| Your task |
In the listing below, start your output at the line with "#89=IFCINDEXEDPOLYGONALFACE((5,7,8,6));" and end it after the line with "#115=IFCINDEXEDPOLYGONALFACE((2,6,8,4));", copying every line exactly.

| Data supplied |
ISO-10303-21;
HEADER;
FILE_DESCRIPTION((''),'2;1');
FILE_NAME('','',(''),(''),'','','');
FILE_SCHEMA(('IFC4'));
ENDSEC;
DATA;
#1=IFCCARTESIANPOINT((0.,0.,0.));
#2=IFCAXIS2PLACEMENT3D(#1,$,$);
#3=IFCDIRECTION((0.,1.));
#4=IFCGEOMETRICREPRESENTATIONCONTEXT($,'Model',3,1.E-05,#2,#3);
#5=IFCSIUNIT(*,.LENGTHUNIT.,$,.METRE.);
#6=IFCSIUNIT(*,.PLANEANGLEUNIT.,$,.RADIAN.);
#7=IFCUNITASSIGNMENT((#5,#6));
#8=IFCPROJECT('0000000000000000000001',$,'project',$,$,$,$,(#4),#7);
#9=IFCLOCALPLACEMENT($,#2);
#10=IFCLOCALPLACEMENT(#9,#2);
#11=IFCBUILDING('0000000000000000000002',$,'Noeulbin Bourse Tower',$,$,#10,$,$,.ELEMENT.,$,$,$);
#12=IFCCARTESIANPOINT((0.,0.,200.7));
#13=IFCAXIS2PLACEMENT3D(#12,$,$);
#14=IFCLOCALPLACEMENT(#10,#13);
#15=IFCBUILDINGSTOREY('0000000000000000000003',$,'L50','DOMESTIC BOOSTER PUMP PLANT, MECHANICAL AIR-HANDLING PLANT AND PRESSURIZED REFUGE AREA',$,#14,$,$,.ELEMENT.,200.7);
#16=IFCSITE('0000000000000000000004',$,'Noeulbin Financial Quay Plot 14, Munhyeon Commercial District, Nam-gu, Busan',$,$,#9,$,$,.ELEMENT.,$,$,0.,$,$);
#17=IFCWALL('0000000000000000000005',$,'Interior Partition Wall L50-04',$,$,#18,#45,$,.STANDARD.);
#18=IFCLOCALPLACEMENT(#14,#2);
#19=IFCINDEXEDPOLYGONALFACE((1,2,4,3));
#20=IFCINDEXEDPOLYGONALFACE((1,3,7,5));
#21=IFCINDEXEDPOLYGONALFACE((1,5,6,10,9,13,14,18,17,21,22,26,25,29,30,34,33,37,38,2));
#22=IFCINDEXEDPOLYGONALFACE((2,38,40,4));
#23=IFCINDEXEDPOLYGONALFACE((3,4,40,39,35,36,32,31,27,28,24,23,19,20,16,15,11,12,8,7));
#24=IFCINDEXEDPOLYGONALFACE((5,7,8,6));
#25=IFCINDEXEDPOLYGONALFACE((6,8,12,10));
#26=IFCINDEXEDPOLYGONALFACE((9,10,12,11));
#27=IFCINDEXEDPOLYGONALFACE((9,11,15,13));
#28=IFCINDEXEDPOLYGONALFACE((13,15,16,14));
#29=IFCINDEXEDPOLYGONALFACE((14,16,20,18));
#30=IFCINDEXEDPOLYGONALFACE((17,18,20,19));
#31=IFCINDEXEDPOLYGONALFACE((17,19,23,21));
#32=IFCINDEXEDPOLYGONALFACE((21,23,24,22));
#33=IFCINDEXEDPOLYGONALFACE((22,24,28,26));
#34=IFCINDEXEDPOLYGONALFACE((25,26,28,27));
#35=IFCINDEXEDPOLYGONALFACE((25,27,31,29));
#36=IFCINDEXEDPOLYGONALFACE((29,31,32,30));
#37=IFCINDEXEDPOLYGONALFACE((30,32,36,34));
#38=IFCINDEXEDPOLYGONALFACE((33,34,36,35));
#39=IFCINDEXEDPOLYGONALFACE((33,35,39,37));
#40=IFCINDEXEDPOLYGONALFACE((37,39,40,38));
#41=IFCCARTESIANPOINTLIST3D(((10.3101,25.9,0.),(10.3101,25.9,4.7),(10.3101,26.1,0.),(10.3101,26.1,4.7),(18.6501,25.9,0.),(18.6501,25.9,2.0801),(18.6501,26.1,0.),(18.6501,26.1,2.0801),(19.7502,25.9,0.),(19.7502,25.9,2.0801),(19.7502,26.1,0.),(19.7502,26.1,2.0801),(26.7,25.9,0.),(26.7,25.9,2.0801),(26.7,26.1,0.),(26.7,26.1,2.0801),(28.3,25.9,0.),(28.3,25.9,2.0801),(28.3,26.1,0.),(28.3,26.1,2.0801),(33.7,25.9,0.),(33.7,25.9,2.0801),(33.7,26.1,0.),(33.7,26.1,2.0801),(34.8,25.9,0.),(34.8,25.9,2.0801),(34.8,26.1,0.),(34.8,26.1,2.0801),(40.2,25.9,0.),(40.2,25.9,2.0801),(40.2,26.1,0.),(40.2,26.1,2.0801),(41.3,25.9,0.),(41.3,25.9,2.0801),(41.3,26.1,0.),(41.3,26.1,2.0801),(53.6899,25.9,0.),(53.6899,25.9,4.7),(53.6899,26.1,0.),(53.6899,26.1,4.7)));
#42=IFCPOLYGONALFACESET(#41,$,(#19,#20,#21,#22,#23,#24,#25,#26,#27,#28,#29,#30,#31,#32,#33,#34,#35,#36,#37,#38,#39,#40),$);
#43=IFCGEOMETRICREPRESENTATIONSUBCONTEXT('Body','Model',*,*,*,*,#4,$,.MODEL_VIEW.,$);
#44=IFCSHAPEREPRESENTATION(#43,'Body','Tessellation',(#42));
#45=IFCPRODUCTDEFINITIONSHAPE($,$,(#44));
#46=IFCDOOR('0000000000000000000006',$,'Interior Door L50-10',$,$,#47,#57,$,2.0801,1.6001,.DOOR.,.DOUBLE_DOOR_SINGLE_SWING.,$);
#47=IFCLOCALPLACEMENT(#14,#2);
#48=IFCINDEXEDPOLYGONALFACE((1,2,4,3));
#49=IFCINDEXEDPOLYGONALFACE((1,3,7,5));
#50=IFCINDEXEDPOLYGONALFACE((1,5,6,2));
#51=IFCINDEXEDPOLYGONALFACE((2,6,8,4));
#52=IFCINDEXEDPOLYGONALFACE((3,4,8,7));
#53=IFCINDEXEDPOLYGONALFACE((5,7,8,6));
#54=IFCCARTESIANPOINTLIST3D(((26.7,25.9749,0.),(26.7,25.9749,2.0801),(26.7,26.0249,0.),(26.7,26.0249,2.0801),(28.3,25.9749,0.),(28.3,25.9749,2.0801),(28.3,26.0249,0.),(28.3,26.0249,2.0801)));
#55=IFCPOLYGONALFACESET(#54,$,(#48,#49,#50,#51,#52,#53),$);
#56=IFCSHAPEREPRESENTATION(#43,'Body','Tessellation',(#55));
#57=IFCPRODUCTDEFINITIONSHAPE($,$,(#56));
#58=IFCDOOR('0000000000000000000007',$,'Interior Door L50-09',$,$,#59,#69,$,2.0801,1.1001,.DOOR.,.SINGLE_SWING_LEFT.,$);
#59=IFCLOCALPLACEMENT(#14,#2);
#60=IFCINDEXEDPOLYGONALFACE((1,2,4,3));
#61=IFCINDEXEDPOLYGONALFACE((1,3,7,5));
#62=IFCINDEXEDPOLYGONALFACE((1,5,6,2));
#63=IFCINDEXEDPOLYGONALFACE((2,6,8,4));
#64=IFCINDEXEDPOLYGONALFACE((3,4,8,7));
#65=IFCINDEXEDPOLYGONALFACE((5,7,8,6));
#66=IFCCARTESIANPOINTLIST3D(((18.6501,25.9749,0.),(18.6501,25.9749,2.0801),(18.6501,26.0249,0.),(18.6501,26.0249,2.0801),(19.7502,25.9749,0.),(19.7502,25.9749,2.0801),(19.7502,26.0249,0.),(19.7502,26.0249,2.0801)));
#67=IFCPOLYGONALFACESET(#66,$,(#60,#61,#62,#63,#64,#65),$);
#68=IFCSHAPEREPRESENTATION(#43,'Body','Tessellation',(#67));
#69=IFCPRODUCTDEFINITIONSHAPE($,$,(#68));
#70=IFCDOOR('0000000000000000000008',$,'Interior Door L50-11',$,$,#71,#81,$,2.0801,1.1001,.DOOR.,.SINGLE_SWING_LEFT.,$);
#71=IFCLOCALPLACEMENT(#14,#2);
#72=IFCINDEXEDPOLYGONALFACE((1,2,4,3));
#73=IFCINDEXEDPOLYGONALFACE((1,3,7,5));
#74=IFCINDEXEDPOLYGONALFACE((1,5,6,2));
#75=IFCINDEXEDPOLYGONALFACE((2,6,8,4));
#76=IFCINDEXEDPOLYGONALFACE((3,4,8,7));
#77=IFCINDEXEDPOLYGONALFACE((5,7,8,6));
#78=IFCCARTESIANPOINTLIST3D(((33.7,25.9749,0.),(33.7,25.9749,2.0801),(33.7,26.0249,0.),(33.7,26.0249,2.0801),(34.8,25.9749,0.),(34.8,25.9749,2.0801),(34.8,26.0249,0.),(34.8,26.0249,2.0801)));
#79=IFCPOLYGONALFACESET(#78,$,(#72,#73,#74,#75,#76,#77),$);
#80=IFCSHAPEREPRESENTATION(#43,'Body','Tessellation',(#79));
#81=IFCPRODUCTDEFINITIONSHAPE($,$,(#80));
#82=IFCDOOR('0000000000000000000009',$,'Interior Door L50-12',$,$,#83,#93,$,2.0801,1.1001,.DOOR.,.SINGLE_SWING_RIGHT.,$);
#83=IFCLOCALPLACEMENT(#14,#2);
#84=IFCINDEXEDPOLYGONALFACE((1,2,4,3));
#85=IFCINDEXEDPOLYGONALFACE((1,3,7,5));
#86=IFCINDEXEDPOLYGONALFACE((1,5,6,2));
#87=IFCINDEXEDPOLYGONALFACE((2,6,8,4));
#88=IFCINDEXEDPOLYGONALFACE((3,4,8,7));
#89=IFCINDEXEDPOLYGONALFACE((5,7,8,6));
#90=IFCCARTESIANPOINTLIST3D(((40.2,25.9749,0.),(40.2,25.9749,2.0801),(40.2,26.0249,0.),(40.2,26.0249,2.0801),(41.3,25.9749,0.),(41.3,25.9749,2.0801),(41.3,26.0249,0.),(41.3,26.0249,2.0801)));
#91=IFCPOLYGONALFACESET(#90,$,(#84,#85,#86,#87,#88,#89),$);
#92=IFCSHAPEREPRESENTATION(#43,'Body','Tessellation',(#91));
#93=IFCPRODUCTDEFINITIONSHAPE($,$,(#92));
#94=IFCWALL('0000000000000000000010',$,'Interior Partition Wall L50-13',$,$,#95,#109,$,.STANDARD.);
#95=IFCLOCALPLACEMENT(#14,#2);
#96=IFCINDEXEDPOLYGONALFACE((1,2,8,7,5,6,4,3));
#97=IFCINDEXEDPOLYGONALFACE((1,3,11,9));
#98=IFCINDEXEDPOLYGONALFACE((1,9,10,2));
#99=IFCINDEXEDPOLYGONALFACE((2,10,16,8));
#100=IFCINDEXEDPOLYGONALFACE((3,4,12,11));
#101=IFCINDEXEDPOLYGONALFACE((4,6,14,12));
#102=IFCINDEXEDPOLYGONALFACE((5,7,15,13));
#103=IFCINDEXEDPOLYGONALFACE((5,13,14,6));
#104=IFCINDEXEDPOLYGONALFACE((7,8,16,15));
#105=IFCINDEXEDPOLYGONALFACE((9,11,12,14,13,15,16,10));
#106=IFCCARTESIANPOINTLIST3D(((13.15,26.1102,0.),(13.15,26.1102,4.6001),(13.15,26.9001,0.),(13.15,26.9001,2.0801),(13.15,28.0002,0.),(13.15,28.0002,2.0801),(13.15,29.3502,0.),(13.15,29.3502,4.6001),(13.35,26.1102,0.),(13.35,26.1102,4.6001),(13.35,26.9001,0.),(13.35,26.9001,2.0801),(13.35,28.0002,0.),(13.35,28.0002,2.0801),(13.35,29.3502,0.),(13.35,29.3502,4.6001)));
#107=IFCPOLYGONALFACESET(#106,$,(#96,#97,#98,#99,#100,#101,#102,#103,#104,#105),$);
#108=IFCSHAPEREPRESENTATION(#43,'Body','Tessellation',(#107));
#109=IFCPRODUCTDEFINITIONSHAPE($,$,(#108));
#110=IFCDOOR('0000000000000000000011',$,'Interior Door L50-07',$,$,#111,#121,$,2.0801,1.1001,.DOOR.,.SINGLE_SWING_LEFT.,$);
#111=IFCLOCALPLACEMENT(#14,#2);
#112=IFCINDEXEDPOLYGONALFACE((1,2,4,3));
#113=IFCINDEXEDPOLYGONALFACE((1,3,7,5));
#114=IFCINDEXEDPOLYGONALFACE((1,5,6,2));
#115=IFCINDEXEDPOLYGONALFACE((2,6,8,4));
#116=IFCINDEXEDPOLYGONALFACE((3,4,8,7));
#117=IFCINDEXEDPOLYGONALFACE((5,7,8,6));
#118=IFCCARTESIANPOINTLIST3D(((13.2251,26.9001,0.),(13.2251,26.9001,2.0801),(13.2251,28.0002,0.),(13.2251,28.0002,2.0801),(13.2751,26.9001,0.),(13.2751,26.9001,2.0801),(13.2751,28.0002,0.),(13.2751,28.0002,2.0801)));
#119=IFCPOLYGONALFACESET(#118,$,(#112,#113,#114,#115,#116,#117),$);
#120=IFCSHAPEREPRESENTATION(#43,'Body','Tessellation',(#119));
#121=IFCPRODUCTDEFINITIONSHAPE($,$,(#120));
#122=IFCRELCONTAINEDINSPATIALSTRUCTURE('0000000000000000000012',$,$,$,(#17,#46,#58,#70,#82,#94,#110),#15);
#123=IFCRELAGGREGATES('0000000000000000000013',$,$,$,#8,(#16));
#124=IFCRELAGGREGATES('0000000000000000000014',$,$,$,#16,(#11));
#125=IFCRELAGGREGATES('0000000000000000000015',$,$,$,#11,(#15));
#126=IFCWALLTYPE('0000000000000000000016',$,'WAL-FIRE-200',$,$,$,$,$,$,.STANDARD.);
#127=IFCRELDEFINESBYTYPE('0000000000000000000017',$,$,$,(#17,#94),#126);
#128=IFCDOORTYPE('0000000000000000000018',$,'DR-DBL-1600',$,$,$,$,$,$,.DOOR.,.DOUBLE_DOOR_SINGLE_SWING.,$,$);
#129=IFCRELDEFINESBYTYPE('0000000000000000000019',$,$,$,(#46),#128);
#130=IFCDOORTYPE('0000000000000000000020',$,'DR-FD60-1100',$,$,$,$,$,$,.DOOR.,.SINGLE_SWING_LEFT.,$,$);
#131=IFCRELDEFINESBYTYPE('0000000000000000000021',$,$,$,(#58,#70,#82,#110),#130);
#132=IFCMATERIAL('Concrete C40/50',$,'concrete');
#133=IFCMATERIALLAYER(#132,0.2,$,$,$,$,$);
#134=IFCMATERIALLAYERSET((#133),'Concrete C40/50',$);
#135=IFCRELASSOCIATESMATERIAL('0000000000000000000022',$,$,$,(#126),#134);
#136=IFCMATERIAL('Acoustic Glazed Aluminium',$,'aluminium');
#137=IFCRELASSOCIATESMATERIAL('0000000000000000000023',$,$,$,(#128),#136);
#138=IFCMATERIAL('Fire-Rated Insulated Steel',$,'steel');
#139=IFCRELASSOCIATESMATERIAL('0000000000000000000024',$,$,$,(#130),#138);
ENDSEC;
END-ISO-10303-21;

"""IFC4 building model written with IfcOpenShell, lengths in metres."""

from ifc_helpers import new_model, si_unit, direction, frame, frame_2d, origin, place, context, subcontext, project, spatial, rectangle, extrude, material, layer, layer_set, type_object, element, fill, save


model = new_model("IFC4")

# Units and contexts
model_context = context("Model", 3, precision=1e-05, world=origin(), true_north=direction((0.0, 1.0)))
body_context = subcontext(model_context, "Body", "Model", "MODEL_VIEW")
ifc_project = project(units=[si_unit("LENGTHUNIT", "METRE"), si_unit("PLANEANGLEUNIT", "RADIAN")], contexts=[model_context])

# Site, building, storey
site_placement = place(None, origin())
site = spatial("IfcSite", under=ifc_project, at=site_placement, Name="Noeulbin Financial Quay Plot 14, Munhyeon Commercial District, Nam-gu, Busan", CompositionType="ELEMENT", RefElevation=0.0)
building_placement = place(site_placement, origin())
building = spatial("IfcBuilding", under=site, at=building_placement, Name="Noeulbin Bourse Tower", CompositionType="ELEMENT")
storey_placement = place(building_placement, frame((0.0, 0.0, 200.7)))
storey = spatial("IfcBuildingStorey", under=building, at=storey_placement, Name="L50", Description="DOMESTIC BOOSTER PUMP PLANT, MECHANICAL AIR-HANDLING PLANT AND PRESSURIZED REFUGE AREA", CompositionType="ELEMENT", Elevation=200.7)

# Wall, openings, doors
ifc_material_1 = material(Name="Concrete C40/50", Category="concrete")
ifc_layer_1 = layer(ifc_material_1, 0.2)
ifc_layer_set_1 = layer_set([ifc_layer_1], Name="Concrete C40/50")
wall_type = type_object("IfcWallType", Name="WAL-FIRE-200", PredefinedType="STANDARD", material=ifc_layer_set_1)
wall_1_placement = place(storey_placement, frame((10.3101, 26.0, 0.0), z_axis=(0.0, 0.0, 1.0), x_axis=(1.0, 0.0, 0.0)))
wall_1 = element("IfcWall", 1, at=wall_1_placement, inside=storey, type_object=wall_type, Name="Interior Partition Wall L50-04", PredefinedType="STANDARD", context=body_context, shape_type="SweptSolid", body=[
    extrude(rectangle(XDim=43.3799, YDim=0.2, at=frame_2d((21.6899, 0.0))), origin(), (0.0, 0.0, 1.0), 4.7),
])
opening_1_placement = place(wall_1_placement, frame((8.3401, 0.0, 0.0)))
opening_1 = element("IfcOpeningElement", 2, at=opening_1_placement, cuts=wall_1, PredefinedType="OPENING", context=body_context, shape_type="SweptSolid", body=[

| Exercise solution |
#89=IFCINDEXEDPOLYGONALFACE((5,7,8,6));
#90=IFCCARTESIANPOINTLIST3D(((40.2,25.9749,0.),(40.2,25.9749,2.0801),(40.2,26.0249,0.),(40.2,26.0249,2.0801),(41.3,25.9749,0.),(41.3,25.9749,2.0801),(41.3,26.0249,0.),(41.3,26.0249,2.0801)));
#91=IFCPOLYGONALFACESET(#90,$,(#84,#85,#86,#87,#88,#89),$);
#92=IFCSHAPEREPRESENTATION(#43,'Body','Tessellation',(#91));
#93=IFCPRODUCTDEFINITIONSHAPE($,$,(#92));
#94=IFCWALL('0000000000000000000010',$,'Interior Partition Wall L50-13',$,$,#95,#109,$,.STANDARD.);
#95=IFCLOCALPLACEMENT(#14,#2);
#96=IFCINDEXEDPOLYGONALFACE((1,2,8,7,5,6,4,3));
#97=IFCINDEXEDPOLYGONALFACE((1,3,11,9));
#98=IFCINDEXEDPOLYGONALFACE((1,9,10,2));
#99=IFCINDEXEDPOLYGONALFACE((2,10,16,8));
#100=IFCINDEXEDPOLYGONALFACE((3,4,12,11));
#101=IFCINDEXEDPOLYGONALFACE((4,6,14,12));
#102=IFCINDEXEDPOLYGONALFACE((5,7,15,13));
#103=IFCINDEXEDPOLYGONALFACE((5,13,14,6));
#104=IFCINDEXEDPOLYGONALFACE((7,8,16,15));
#105=IFCINDEXEDPOLYGONALFACE((9,11,12,14,13,15,16,10));
#106=IFCCARTESIANPOINTLIST3D(((13.15,26.1102,0.),(13.15,26.1102,4.6001),(13.15,26.9001,0.),(13.15,26.9001,2.0801),(13.15,28.0002,0.),(13.15,28.0002,2.0801),(13.15,29.3502,0.),(13.15,29.3502,4.6001),(13.35,26.1102,0.),(13.35,26.1102,4.6001),(13.35,26.9001,0.),(13.35,26.9001,2.0801),(13.35,28.0002,0.),(13.35,28.0002,2.0801),(13.35,29.3502,0.),(13.35,29.3502,4.6001)));
#107=IFCPOLYGONALFACESET(#106,$,(#96,#97,#98,#99,#100,#101,#102,#103,#104,#105),$);
#108=IFCSHAPEREPRESENTATION(#43,'Body','Tessellation',(#107));
#109=IFCPRODUCTDEFINITIONSHAPE($,$,(#108));
#110=IFCDOOR('0000000000000000000011',$,'Interior Door L50-07',$,$,#111,#121,$,2.0801,1.1001,.DOOR.,.SINGLE_SWING_LEFT.,$);
#111=IFCLOCALPLACEMENT(#14,#2);
#112=IFCINDEXEDPOLYGONALFACE((1,2,4,3));
#113=IFCINDEXEDPOLYGONALFACE((1,3,7,5));
#114=IFCINDEXEDPOLYGONALFACE((1,5,6,2));
#115=IFCINDEXEDPOLYGONALFACE((2,6,8,4));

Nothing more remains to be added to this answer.